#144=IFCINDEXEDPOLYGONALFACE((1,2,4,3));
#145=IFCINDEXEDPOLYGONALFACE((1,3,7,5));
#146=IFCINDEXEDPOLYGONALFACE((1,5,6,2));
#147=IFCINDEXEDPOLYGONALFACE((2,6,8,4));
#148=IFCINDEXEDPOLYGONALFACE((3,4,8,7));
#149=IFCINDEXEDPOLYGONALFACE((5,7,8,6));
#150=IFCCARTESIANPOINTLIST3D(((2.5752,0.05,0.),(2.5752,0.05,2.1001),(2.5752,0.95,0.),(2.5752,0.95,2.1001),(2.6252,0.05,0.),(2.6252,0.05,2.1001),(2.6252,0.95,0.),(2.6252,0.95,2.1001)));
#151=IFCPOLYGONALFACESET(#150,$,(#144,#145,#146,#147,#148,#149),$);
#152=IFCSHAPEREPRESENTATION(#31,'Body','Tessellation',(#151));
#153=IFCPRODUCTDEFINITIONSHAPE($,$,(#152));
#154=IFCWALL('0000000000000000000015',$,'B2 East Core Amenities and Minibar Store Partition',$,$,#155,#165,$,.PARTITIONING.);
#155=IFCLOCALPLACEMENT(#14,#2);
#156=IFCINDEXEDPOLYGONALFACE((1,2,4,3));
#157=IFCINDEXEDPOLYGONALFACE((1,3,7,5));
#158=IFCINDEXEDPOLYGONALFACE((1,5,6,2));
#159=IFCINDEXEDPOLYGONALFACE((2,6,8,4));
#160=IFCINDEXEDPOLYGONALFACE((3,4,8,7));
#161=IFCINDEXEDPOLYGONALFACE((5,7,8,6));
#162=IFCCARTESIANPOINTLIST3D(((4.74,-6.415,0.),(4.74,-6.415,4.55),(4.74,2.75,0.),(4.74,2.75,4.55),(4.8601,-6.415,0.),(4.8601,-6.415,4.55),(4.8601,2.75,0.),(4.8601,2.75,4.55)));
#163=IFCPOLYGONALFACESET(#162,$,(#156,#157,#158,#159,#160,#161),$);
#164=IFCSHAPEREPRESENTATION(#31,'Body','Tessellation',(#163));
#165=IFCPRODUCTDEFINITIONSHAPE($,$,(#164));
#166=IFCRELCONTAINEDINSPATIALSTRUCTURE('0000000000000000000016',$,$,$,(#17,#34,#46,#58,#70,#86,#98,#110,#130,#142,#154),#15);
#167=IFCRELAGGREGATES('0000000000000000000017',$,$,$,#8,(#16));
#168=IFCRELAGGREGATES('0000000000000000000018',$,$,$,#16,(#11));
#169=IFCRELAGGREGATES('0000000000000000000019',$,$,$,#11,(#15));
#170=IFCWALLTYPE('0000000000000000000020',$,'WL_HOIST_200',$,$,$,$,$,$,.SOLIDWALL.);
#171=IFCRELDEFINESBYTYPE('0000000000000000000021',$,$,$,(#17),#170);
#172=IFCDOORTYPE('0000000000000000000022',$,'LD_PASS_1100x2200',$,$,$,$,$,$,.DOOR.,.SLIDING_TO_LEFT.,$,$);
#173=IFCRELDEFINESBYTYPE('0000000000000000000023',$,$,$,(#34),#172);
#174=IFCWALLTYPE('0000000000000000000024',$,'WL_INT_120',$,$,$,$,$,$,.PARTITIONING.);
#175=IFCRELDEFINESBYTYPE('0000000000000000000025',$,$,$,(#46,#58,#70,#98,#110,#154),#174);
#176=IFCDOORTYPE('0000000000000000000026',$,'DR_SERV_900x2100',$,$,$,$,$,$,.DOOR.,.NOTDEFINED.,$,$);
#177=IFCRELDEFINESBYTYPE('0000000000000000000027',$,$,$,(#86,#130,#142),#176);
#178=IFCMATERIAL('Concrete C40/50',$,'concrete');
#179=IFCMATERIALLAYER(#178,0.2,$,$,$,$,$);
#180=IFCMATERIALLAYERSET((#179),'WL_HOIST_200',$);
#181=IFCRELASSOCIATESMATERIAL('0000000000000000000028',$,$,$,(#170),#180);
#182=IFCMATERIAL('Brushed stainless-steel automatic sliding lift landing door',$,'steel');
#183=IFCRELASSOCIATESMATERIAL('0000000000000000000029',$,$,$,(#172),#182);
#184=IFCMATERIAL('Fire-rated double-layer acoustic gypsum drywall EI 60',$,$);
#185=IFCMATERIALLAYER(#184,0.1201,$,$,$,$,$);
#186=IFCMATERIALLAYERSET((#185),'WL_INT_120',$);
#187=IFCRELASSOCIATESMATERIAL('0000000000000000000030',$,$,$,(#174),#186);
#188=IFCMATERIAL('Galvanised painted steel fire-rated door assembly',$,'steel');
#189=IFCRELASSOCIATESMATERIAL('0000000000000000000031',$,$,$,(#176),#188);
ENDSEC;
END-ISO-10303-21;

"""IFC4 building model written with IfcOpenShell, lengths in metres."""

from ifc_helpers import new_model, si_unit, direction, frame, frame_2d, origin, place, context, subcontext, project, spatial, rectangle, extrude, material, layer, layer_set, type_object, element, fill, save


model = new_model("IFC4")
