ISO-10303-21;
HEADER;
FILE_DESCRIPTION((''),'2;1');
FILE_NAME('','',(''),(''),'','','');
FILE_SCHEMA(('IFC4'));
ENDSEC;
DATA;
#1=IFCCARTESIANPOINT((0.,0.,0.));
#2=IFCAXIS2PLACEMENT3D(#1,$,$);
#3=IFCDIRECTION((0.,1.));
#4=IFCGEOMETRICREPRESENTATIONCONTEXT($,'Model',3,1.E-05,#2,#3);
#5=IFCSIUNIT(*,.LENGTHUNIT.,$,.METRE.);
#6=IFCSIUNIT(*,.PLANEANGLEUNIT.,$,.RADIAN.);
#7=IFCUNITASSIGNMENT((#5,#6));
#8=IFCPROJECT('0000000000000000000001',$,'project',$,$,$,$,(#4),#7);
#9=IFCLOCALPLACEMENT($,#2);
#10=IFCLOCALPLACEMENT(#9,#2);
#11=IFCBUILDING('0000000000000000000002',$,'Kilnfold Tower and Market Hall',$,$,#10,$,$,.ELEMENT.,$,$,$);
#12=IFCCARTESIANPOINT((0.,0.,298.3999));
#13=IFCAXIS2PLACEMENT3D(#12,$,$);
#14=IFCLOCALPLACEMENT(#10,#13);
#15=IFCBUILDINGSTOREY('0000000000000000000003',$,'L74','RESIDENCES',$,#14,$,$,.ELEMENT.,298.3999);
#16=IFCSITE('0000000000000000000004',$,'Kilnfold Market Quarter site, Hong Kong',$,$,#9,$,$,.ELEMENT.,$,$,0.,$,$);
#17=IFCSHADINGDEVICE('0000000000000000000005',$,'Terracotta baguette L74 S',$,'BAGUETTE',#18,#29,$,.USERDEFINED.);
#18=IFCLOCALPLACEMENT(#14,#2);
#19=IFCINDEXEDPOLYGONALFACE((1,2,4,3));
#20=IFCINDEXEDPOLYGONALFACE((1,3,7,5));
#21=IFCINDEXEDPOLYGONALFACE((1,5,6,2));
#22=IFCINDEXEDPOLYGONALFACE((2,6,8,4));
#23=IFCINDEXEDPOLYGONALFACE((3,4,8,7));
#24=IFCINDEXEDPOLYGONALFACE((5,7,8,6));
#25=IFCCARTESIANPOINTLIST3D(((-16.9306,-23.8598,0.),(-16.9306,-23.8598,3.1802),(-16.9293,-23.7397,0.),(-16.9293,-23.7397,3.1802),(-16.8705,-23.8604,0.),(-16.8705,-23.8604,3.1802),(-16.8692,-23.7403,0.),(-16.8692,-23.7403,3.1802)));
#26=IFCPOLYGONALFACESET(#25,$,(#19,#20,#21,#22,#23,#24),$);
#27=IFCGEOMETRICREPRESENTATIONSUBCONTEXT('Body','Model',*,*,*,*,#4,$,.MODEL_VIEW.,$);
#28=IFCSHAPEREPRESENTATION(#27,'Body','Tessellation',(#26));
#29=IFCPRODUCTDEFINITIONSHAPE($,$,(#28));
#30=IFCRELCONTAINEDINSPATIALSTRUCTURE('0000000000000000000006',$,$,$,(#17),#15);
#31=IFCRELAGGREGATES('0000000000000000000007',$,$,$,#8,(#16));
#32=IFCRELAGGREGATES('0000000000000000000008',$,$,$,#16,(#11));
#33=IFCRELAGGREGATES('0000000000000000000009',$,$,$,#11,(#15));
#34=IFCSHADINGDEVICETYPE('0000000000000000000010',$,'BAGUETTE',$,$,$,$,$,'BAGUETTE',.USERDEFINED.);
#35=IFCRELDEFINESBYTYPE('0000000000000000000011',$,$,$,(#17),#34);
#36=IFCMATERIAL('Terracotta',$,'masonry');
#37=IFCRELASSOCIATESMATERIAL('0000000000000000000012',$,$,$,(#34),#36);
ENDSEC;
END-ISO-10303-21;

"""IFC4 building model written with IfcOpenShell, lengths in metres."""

from ifc_helpers import new_model, si_unit, direction, frame, origin, origin_2d, place, context, subcontext, project, spatial, rectangle, extrude, source, transform, mapped, material, material_profile, profile_set, type_object, element, save


model = new_model("IFC4")

# Units and contexts
model_context = context("Model", 3, precision=1e-05, world=origin(), true_north=direction((0.0, 1.0)))
body_context = subcontext(model_context, "Body", "Model", "MODEL_VIEW")
ifc_project = project(units=[si_unit("LENGTHUNIT", "METRE"), si_unit("PLANEANGLEUNIT", "RADIAN")], contexts=[model_context])

# Site, building, storey
site_placement = place(None, origin())
site = spatial("IfcSite", under=ifc_project, at=site_placement, Name="Kilnfold Market Quarter site, Hong Kong", CompositionType="ELEMENT", RefElevation=0.0)
building_placement = place(site_placement, origin())
building = spatial("IfcBuilding", under=site, at=building_placement, Name="Kilnfold Tower and Market Hall", CompositionType="ELEMENT")
storey_placement = place(building_placement, frame((0.0, 0.0, 298.3999)))
storey = spatial("IfcBuildingStorey", under=building, at=storey_placement, Name="L74", Description="RESIDENCES", CompositionType="ELEMENT", Elevation=298.3999)

# Shading device
ifc_material_1 = material(Name="Terracotta", Category="masonry")
ifc_material_profile_1 = material_profile(ifc_material_1, rectangle(XDim=0.0601, YDim=0.1201, at=origin_2d()), Name="BAG 60x120")
ifc_profile_set_1 = profile_set([ifc_material_profile_1], Name="Terracotta")
shading_device_type = type_object("IfcShadingDeviceType", Name="BAGUETTE", ElementType="BAGUETTE", PredefinedType="USERDEFINED", material=ifc_profile_set_1)
shared_shape_1 = source(origin(), body_context, "Body", "SweptSolid", [
    extrude(rectangle(XDim=0.0601, YDim=0.1201, at=origin_2d()), origin(), (0.0, 0.0, 1.0), 3.1802),
])
for number, where, z_axis, x_axis, name in (
    (1, (-16.8999, -23.8, 0.0), (0.0, 0.0, 1.0), (0.999942, -0.010767, 0.0), "Terracotta baguette L74 S"),
):
    element("IfcShadingDevice", number, at=place(storey_placement, frame(where, z_axis=z_axis, x_axis=x_axis)), inside=storey, type_object=shading_device_type, Name=name, ObjectType="BAGUETTE", PredefinedType="USERDEFINED", context=body_context, shape_type="MappedRepresentation", body=[
        mapped(shared_shape_1, transform((0.0, 0.0, 0.0))),
    ])

save(model, "model.ifc")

........

## INSTRUCTIONS FOR THE TASK:
Every line in the data that holds the string "Tessellation" should be copied.

## RESPONSE FOR THIS EXERCISE:
#152=IFCSHAPEREPRESENTATION(#31,'Body','Tessellation',(#151));
#164=IFCSHAPEREPRESENTATION(#31,'Body','Tessellation',(#163));
#28=IFCSHAPEREPRESENTATION(#27,'Body','Tessellation',(#26));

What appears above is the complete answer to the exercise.